Excerpts from a dataset

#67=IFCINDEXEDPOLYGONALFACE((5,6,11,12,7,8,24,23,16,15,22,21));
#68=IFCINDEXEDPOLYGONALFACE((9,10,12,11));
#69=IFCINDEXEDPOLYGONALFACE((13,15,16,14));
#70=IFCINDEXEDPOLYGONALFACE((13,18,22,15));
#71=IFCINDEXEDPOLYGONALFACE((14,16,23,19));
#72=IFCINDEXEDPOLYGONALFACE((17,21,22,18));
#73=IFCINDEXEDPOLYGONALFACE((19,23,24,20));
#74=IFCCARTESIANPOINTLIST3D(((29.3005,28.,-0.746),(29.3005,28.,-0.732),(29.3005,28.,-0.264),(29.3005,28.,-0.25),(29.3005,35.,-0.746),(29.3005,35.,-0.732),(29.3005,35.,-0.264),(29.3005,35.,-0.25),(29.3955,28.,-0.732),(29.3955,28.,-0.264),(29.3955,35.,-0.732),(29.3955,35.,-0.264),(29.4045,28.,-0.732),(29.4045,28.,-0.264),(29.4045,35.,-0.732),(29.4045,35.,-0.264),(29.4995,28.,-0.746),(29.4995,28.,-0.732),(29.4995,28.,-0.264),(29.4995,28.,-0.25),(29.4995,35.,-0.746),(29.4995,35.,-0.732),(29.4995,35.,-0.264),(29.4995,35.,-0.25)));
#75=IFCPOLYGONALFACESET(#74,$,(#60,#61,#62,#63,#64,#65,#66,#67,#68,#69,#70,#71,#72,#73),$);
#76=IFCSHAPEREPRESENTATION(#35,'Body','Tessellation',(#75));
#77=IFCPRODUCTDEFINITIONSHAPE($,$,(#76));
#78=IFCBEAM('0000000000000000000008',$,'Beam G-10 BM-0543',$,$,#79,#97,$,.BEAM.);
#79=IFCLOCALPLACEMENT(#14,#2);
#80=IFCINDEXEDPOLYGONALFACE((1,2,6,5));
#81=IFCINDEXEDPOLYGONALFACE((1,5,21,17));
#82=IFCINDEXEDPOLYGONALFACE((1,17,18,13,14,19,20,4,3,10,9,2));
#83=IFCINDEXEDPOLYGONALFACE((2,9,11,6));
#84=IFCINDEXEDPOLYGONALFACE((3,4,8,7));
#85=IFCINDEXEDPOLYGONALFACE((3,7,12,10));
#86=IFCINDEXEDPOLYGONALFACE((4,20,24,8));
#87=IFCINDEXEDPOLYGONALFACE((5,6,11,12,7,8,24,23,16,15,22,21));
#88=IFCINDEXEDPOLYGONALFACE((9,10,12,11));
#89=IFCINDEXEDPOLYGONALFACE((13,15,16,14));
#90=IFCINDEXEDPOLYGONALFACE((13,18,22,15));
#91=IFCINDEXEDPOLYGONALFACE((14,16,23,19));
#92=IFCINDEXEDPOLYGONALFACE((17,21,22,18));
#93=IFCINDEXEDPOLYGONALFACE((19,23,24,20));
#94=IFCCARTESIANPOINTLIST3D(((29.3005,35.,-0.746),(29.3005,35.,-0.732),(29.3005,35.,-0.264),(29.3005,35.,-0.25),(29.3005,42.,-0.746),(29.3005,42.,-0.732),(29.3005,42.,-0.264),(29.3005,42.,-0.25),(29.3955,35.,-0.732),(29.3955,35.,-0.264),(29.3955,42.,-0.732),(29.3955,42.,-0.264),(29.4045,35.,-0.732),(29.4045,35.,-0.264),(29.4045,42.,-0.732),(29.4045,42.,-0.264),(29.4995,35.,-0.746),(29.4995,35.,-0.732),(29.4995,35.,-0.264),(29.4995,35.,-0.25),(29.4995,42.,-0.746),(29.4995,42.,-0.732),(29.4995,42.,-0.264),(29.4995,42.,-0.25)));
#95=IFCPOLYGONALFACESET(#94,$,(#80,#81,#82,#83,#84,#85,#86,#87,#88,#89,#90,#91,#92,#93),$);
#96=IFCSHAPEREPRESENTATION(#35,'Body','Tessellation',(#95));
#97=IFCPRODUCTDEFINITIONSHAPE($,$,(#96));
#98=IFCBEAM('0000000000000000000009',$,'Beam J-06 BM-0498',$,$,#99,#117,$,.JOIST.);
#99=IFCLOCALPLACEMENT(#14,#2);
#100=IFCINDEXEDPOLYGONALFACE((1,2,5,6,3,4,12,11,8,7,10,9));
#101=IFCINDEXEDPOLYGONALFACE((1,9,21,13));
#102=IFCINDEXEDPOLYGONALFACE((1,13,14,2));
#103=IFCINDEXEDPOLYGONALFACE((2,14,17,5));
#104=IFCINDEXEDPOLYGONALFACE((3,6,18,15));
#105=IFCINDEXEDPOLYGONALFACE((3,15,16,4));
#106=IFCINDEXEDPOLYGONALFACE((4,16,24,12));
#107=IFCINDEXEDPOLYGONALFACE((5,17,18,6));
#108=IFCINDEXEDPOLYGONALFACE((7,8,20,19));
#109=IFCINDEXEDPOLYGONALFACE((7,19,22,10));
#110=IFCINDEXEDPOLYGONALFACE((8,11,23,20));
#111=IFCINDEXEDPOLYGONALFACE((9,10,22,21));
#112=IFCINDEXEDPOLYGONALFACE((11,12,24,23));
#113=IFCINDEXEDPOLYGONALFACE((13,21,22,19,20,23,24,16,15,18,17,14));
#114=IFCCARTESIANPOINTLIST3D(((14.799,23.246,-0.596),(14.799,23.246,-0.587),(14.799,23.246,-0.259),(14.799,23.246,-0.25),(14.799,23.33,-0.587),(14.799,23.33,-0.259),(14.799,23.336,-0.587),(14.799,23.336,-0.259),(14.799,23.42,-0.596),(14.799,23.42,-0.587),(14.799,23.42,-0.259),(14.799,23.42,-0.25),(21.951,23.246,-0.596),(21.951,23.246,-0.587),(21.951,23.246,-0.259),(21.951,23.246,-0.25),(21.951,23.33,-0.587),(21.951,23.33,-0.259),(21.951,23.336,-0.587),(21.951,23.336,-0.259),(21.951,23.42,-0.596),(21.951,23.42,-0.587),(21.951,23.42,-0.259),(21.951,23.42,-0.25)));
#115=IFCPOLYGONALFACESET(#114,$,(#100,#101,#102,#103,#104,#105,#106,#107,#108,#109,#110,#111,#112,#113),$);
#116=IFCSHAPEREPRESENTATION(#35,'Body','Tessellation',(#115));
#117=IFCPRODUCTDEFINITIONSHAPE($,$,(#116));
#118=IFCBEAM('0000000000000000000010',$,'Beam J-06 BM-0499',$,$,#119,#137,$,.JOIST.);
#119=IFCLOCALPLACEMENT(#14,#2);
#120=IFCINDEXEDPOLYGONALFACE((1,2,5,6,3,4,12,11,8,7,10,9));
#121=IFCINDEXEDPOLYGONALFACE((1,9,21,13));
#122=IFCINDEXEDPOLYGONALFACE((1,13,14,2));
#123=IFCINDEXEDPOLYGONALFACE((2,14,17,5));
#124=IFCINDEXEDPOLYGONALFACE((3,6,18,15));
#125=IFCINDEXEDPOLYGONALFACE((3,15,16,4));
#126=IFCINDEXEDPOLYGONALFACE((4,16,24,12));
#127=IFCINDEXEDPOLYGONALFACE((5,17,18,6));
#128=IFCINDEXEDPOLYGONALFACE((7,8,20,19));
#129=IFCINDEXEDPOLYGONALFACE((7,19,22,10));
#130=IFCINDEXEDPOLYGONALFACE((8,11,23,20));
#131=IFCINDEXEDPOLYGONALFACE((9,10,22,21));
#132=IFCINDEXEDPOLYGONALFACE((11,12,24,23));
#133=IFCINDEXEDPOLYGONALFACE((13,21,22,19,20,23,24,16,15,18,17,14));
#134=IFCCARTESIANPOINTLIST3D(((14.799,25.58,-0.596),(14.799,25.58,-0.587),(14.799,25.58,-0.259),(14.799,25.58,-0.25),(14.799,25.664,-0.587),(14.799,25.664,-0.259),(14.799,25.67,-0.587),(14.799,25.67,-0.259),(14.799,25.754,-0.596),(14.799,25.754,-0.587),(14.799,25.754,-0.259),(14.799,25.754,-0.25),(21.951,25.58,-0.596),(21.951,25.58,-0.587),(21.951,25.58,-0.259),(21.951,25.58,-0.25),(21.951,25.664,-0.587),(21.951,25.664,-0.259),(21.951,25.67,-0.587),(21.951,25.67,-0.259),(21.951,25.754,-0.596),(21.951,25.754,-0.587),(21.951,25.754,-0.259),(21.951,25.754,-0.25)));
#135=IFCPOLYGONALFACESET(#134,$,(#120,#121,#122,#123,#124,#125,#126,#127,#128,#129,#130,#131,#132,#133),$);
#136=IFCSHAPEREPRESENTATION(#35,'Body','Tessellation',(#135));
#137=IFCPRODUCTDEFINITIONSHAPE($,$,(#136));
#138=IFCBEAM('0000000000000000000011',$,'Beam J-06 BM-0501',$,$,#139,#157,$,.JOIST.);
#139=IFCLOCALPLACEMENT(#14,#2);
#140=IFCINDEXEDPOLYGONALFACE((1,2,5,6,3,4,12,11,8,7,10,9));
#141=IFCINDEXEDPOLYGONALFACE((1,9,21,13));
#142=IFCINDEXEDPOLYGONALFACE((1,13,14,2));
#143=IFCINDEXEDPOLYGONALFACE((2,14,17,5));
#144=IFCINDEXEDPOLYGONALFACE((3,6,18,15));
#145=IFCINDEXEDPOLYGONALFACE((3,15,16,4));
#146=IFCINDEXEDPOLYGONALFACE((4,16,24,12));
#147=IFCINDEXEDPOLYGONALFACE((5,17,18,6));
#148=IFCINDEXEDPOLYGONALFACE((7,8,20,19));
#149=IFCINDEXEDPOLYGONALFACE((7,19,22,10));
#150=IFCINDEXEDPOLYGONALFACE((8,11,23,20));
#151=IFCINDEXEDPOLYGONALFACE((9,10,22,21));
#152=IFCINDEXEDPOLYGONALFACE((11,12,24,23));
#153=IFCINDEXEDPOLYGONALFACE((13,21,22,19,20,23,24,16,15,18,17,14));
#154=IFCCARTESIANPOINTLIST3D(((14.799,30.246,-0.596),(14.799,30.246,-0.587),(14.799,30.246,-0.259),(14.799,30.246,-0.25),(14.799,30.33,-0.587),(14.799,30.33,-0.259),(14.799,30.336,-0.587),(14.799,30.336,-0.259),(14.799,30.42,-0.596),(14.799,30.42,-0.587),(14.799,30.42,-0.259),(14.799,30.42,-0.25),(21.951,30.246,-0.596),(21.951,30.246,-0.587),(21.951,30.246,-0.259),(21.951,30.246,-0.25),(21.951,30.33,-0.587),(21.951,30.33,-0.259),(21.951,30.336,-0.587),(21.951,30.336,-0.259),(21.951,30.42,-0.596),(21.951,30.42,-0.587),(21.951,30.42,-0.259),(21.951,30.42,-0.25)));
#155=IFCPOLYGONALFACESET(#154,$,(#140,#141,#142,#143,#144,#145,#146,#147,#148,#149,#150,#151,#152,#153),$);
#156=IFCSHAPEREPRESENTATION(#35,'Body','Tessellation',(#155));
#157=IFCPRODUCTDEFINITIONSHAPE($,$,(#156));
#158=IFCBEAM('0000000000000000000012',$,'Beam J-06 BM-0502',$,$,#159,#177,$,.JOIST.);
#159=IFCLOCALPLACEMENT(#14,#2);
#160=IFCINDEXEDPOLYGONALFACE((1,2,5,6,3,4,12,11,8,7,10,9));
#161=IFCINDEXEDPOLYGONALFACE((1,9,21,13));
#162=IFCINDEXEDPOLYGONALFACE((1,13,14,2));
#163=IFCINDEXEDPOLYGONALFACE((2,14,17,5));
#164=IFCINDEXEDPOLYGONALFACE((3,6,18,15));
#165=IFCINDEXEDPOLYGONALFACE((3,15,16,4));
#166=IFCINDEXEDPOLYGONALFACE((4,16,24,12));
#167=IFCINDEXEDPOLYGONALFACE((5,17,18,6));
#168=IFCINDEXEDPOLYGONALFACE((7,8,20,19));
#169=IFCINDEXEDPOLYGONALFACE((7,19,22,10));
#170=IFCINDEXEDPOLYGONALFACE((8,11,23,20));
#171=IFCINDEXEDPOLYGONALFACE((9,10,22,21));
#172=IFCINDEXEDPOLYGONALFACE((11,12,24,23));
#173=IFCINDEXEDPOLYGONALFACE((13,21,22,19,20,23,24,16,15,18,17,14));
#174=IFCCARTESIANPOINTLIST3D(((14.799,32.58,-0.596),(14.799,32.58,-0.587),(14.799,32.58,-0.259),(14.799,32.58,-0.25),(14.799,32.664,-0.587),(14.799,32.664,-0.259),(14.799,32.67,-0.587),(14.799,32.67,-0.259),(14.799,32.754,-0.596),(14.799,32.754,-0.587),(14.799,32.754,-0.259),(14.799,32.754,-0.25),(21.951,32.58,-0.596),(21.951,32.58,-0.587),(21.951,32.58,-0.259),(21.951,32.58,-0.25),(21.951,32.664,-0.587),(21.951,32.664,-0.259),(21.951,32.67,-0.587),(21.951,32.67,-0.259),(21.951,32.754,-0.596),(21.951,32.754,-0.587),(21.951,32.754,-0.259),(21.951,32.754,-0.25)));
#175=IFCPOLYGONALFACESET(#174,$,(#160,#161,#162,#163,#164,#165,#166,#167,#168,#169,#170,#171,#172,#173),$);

- [WHAT YOU SHOULD DO]: All that is wanted is the stretch of lines above from the one containing "#139=IFCLOCALPLACEMENT(#14,#2);" through the one containing "#161=IFCINDEXEDPOLYGONALFACE((1,9,21,13));", duplicated exactly.

- [EXERCISE RESULT]:
#139=IFCLOCALPLACEMENT(#14,#2);
#140=IFCINDEXEDPOLYGONALFACE((1,2,5,6,3,4,12,11,8,7,10,9));
#141=IFCINDEXEDPOLYGONALFACE((1,9,21,13));
#142=IFCINDEXEDPOLYGONALFACE((1,13,14,2));
#143=IFCINDEXEDPOLYGONALFACE((2,14,17,5));
#144=IFCINDEXEDPOLYGONALFACE((3,6,18,15));
#145=IFCINDEXEDPOLYGONALFACE((3,15,16,4));
#146=IFCINDEXEDPOLYGONALFACE((4,16,24,12));
#147=IFCINDEXEDPOLYGONALFACE((5,17,18,6));
#148=IFCINDEXEDPOLYGONALFACE((7,8,20,19));
#149=IFCINDEXEDPOLYGONALFACE((7,19,22,10));
#150=IFCINDEXEDPOLYGONALFACE((8,11,23,20));
#151=IFCINDEXEDPOLYGONALFACE((9,10,22,21));
#152=IFCINDEXEDPOLYGONALFACE((11,12,24,23));
#153=IFCINDEXEDPOLYGONALFACE((13,21,22,19,20,23,24,16,15,18,17,14));
#154=IFCCARTESIANPOINTLIST3D(((14.799,30.246,-0.596),(14.799,30.246,-0.587),(14.799,30.246,-0.259),(14.799,30.246,-0.25),(14.799,30.33,-0.587),(14.799,30.33,-0.259),(14.799,30.336,-0.587),(14.799,30.336,-0.259),(14.799,30.42,-0.596),(14.799,30.42,-0.587),(14.799,30.42,-0.259),(14.799,30.42,-0.25),(21.951,30.246,-0.596),(21.951,30.246,-0.587),(21.951,30.246,-0.259),(21.951,30.246,-0.25),(21.951,30.33,-0.587),(21.951,30.33,-0.259),(21.951,30.336,-0.587),(21.951,30.336,-0.259),(21.951,30.42,-0.596),(21.951,30.42,-0.587),(21.951,30.42,-0.259),(21.951,30.42,-0.25)));
#155=IFCPOLYGONALFACESET(#154,$,(#140,#141,#142,#143,#144,#145,#146,#147,#148,#149,#150,#151,#152,#153),$);
#156=IFCSHAPEREPRESENTATION(#35,'Body','Tessellation',(#155));
#157=IFCPRODUCTDEFINITIONSHAPE($,$,(#156));
#158=IFCBEAM('0000000000000000000012',$,'Beam J-06 BM-0502',$,$,#159,#177,$,.JOIST.);
#159=IFCLOCALPLACEMENT(#14,#2);
#160=IFCINDEXEDPOLYGONALFACE((1,2,5,6,3,4,12,11,8,7,10,9));
#161=IFCINDEXEDPOLYGONALFACE((1,9,21,13));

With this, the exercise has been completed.